What you have to do: The word "frame" marks the lines you need; copy each of them from the data.

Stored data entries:
+ + + + +
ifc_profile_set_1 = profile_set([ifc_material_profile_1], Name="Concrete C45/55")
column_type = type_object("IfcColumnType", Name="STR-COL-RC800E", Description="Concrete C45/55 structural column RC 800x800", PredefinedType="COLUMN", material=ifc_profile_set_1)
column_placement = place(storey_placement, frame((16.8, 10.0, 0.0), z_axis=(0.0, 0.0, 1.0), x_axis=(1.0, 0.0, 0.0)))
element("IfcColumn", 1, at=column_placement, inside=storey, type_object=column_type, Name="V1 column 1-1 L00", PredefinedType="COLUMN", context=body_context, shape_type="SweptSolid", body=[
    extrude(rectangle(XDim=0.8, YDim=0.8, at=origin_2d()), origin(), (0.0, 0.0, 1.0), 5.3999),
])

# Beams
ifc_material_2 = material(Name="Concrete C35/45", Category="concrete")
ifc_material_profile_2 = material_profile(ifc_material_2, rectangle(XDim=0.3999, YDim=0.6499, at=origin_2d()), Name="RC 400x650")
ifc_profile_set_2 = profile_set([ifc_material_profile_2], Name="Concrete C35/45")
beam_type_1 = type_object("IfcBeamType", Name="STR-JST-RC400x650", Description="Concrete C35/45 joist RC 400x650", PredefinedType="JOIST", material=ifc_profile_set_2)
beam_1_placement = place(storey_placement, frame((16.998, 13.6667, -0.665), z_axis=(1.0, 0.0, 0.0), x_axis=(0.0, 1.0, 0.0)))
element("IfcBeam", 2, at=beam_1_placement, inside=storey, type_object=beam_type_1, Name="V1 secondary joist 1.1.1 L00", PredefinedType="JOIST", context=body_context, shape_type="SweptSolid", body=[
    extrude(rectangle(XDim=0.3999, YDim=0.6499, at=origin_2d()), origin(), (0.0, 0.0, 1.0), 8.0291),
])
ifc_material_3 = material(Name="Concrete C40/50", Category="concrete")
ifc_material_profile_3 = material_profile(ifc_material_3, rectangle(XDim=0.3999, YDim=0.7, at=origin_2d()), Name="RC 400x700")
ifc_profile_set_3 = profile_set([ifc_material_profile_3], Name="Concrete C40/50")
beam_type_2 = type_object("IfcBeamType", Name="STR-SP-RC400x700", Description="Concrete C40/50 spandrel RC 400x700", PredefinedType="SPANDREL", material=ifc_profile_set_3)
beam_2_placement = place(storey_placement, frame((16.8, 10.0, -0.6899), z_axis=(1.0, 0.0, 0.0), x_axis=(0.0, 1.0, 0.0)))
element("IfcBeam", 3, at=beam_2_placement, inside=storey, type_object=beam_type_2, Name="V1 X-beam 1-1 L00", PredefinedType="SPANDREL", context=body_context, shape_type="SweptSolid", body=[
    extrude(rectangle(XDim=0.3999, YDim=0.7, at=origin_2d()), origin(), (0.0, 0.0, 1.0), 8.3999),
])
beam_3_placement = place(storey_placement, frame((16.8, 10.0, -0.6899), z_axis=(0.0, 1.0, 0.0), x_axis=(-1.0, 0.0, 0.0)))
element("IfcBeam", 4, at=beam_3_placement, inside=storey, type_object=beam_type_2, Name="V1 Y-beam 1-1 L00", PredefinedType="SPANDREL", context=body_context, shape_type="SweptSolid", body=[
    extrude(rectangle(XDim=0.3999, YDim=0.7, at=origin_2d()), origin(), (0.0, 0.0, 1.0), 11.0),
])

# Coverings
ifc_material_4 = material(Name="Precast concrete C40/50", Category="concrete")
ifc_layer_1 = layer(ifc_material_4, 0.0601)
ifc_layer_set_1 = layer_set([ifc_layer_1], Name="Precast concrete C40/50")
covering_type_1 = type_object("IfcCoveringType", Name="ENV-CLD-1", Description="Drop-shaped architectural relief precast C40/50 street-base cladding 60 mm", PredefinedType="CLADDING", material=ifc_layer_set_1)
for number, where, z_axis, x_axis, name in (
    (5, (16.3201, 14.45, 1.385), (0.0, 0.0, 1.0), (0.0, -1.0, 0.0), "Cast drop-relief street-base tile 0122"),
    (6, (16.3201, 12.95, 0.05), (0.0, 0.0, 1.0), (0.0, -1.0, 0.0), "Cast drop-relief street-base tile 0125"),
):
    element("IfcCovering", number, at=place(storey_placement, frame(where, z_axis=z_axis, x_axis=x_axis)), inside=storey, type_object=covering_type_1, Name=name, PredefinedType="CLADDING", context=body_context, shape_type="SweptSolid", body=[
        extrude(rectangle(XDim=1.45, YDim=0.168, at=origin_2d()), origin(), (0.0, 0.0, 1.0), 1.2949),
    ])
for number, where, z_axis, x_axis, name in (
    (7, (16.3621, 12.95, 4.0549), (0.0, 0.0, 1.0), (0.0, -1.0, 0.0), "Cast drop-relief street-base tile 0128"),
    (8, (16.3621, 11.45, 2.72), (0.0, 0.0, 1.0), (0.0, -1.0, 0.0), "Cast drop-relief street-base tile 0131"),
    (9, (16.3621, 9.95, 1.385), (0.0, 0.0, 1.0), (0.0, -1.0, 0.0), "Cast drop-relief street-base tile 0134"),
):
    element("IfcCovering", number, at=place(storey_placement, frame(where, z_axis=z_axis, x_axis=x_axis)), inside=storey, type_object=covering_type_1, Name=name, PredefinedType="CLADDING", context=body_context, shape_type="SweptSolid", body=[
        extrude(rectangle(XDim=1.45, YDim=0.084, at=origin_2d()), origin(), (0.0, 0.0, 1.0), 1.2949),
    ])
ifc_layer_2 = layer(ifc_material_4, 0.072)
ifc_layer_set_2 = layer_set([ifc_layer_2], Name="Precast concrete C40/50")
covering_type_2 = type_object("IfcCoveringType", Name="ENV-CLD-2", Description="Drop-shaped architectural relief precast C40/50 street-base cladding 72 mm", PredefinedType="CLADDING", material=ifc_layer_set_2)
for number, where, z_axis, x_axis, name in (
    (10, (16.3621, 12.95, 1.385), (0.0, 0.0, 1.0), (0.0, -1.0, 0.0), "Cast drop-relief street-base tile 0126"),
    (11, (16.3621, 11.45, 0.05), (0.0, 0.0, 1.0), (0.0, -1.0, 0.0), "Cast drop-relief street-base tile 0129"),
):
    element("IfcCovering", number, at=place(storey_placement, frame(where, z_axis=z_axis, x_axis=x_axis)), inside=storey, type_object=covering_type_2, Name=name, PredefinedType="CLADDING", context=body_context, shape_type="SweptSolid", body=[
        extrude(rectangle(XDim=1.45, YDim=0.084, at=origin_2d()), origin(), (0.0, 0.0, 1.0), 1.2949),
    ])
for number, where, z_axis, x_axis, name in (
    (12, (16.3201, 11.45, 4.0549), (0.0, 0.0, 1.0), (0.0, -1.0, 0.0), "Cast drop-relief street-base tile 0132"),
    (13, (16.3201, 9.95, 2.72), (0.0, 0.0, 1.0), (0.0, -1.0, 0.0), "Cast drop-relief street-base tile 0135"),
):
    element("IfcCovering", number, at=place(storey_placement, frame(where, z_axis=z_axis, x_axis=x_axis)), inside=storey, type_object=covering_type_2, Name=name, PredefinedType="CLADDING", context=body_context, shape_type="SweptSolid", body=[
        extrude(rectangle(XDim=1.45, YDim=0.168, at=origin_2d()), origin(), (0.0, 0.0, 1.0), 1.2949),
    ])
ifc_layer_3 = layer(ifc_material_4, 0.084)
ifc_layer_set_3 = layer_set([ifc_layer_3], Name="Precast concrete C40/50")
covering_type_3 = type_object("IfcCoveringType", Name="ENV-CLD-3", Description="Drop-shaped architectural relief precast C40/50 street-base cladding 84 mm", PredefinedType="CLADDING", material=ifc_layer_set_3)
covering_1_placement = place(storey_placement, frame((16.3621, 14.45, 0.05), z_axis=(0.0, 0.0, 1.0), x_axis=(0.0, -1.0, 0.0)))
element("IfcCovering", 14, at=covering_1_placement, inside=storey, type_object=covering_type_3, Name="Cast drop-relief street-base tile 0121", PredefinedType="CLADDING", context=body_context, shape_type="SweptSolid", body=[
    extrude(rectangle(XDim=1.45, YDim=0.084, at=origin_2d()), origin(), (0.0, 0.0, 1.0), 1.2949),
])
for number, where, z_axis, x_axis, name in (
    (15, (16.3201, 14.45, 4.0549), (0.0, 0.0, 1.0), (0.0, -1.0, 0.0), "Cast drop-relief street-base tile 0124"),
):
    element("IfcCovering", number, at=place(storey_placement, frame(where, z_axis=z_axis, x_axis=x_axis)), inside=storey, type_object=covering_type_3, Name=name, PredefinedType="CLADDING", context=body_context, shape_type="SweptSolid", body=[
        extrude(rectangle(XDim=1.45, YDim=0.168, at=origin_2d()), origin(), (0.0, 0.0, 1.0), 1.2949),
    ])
+ + + + +
Exercise result:
column_placement = place(storey_placement, frame((16.8, 10.0, 0.0), z_axis=(0.0, 0.0, 1.0), x_axis=(1.0, 0.0, 0.0)))
beam_1_placement = place(storey_placement, frame((16.998, 13.6667, -0.665), z_axis=(1.0, 0.0, 0.0), x_axis=(0.0, 1.0, 0.0)))
beam_2_placement = place(storey_placement, frame((16.8, 10.0, -0.6899), z_axis=(1.0, 0.0, 0.0), x_axis=(0.0, 1.0, 0.0)))
beam_3_placement = place(storey_placement, frame((16.8, 10.0, -0.6899), z_axis=(0.0, 1.0, 0.0), x_axis=(-1.0, 0.0, 0.0)))
    element("IfcCovering", number, at=place(storey_placement, frame(where, z_axis=z_axis, x_axis=x_axis)), inside=storey, type_object=covering_type_1, Name=name, PredefinedType="CLADDING", context=body_context, shape_type="SweptSolid", body=[
    element("IfcCovering", number, at=place(storey_placement, frame(where, z_axis=z_axis, x_axis=x_axis)), inside=storey, type_object=covering_type_1, Name=name, PredefinedType="CLADDING", context=body_context, shape_type="SweptSolid", body=[
    element("IfcCovering", number, at=place(storey_placement, frame(where, z_axis=z_axis, x_axis=x_axis)), inside=storey, type_object=covering_type_2, Name=name, PredefinedType="CLADDING", context=body_context, shape_type="SweptSolid", body=[
    element("IfcCovering", number, at=place(storey_placement, frame(where, z_axis=z_axis, x_axis=x_axis)), inside=storey, type_object=covering_type_2, Name=name, PredefinedType="CLADDING", context=body_context, shape_type="SweptSolid", body=[
covering_1_placement = place(storey_placement, frame((16.3621, 14.45, 0.05), z_axis=(0.0, 0.0, 1.0), x_axis=(0.0, -1.0, 0.0)))
    element("IfcCovering", number, at=place(storey_placement, frame(where, z_axis=z_axis, x_axis=x_axis)), inside=storey, type_object=covering_type_3, Name=name, PredefinedType="CLADDING", context=body_context, shape_type="SweptSolid", body=[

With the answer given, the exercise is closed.